* [EXERCISE REQUIREMENTS]: The string "IFCRELAGGREGATES" appears in some lines of the data. Report how many, with no other words.
------ RAW DATA
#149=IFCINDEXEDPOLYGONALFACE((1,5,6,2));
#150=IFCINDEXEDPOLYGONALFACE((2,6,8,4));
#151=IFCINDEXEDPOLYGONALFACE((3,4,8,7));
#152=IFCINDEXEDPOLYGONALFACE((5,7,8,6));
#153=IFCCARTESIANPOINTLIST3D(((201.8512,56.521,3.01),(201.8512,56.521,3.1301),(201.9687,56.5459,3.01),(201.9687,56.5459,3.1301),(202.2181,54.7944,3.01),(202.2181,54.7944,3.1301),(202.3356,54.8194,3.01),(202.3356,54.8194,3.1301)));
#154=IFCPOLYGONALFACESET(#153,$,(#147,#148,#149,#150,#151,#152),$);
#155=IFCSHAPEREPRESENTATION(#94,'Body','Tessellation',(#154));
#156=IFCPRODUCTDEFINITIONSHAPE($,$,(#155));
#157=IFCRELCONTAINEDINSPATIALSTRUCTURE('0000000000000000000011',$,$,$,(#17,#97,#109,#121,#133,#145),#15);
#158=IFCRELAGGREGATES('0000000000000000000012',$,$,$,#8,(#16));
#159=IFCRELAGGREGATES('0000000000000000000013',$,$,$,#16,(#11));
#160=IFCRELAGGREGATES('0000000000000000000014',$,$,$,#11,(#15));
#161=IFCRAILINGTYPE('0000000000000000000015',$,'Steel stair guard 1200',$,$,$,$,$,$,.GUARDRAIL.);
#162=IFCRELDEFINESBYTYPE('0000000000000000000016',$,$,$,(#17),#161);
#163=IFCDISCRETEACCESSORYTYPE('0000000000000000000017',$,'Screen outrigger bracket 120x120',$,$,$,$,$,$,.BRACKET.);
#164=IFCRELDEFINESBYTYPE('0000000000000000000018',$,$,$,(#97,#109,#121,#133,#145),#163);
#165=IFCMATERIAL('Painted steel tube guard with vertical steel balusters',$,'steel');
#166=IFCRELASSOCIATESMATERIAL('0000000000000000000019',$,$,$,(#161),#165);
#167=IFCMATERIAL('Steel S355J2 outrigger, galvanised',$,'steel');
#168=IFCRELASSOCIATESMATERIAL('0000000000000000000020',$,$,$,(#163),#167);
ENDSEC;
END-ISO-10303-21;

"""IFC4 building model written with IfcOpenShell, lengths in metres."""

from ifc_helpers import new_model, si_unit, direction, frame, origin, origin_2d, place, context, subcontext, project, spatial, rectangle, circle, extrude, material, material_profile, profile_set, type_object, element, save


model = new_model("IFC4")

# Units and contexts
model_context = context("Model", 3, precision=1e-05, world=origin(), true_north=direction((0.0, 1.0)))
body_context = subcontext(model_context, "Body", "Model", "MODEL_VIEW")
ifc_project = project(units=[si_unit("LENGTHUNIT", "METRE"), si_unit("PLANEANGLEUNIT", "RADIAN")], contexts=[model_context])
------------
* [ANSWER BOX]: 3